----- RECORDS -----
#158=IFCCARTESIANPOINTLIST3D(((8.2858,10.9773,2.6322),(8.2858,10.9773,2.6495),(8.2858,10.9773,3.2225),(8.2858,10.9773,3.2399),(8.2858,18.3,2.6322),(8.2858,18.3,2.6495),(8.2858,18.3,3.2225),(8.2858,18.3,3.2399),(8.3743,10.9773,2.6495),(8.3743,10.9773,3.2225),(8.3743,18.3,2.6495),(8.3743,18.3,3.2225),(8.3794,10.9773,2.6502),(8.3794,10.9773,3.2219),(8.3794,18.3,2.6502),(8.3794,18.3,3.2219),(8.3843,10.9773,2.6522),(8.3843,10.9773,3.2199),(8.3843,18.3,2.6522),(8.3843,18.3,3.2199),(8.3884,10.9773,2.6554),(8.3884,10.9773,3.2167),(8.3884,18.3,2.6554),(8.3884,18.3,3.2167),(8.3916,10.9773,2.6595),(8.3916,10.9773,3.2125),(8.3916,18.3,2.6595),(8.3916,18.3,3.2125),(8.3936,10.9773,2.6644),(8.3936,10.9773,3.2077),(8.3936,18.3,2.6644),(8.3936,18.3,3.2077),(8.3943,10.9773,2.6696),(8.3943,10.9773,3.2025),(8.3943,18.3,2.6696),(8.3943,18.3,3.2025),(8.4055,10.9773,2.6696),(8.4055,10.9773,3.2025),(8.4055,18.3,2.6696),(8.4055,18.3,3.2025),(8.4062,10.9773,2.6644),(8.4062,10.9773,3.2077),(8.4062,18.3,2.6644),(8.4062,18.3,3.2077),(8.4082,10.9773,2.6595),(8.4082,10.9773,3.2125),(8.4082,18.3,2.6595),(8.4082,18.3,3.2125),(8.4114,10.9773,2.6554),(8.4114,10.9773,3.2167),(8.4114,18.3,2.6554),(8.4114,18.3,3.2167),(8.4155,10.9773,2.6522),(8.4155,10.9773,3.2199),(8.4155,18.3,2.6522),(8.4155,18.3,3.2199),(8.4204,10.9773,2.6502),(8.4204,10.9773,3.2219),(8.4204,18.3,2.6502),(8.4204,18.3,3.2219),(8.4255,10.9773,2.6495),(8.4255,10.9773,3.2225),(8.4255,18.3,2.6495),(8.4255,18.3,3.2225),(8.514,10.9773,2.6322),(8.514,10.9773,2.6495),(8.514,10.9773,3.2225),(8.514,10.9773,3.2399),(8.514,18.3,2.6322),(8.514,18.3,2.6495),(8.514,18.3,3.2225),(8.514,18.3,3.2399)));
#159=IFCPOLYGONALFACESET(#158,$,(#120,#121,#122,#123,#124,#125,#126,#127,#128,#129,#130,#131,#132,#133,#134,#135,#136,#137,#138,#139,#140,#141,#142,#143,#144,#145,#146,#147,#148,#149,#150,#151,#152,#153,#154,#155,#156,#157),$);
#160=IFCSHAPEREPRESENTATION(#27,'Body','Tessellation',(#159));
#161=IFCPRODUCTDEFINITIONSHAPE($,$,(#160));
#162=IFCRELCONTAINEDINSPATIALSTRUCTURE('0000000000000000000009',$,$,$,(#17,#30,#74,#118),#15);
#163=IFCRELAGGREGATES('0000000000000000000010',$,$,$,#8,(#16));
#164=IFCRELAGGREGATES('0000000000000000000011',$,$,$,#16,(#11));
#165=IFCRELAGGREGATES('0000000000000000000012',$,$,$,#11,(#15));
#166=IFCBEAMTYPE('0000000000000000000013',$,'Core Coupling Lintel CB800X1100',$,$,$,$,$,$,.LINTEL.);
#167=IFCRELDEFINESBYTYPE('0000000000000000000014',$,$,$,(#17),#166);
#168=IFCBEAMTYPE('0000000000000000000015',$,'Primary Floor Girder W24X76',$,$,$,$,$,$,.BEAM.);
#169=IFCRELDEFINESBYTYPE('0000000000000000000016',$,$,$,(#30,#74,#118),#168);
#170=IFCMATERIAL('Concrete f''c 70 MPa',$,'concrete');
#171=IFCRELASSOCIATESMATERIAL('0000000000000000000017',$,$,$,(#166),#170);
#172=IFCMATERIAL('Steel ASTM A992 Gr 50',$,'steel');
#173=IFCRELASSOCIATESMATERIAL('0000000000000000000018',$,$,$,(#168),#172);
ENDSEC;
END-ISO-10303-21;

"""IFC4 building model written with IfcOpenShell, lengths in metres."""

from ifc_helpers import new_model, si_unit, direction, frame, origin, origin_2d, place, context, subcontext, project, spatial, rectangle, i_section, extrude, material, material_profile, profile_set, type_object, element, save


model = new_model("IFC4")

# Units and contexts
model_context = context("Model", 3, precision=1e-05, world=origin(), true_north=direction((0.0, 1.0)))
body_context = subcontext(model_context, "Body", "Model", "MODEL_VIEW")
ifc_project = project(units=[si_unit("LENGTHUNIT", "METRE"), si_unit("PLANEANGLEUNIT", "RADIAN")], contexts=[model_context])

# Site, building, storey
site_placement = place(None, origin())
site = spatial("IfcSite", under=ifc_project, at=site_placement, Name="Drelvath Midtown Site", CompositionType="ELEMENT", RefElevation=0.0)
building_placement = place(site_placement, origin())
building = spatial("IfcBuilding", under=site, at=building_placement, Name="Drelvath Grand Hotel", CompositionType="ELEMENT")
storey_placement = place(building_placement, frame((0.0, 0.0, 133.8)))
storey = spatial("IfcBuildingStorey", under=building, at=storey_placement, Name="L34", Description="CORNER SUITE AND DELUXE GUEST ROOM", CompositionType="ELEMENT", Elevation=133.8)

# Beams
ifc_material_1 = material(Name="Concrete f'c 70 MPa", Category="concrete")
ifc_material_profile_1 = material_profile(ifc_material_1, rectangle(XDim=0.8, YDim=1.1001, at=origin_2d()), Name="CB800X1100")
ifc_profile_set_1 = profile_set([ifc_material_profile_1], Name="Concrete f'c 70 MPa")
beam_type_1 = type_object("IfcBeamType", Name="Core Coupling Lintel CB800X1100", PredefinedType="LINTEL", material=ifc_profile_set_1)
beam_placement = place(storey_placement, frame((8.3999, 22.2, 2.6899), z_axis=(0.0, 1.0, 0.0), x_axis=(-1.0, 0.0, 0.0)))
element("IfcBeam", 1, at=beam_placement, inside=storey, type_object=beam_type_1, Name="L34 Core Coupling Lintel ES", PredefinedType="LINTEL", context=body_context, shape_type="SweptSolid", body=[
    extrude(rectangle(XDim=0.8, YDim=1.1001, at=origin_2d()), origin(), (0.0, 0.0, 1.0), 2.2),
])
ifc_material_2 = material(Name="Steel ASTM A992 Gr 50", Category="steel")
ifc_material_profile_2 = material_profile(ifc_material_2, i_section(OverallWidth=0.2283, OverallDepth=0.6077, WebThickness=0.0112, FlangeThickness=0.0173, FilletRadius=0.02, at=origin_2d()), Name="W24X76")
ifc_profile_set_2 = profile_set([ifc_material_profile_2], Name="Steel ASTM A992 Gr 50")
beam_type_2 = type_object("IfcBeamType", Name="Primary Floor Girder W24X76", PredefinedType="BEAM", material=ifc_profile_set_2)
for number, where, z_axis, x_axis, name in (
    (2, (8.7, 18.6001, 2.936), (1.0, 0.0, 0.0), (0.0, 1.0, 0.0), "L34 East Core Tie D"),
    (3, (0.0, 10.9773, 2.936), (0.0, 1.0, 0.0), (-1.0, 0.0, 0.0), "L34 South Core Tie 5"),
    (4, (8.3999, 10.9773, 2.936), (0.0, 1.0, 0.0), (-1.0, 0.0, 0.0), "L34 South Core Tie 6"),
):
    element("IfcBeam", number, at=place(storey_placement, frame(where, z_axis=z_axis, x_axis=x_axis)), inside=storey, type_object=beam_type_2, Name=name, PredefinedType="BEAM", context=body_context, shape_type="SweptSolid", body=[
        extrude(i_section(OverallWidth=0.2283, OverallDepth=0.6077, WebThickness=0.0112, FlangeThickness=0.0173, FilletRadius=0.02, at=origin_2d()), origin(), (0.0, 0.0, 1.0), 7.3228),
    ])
-----
- WHAT TO WORK ON
Filter the records above for "contexts" and copy every matching line.

- TASK SOLUTION
# Units and contexts
ifc_project = project(units=[si_unit("LENGTHUNIT", "METRE"), si_unit("PLANEANGLEUNIT", "RADIAN")], contexts=[model_context])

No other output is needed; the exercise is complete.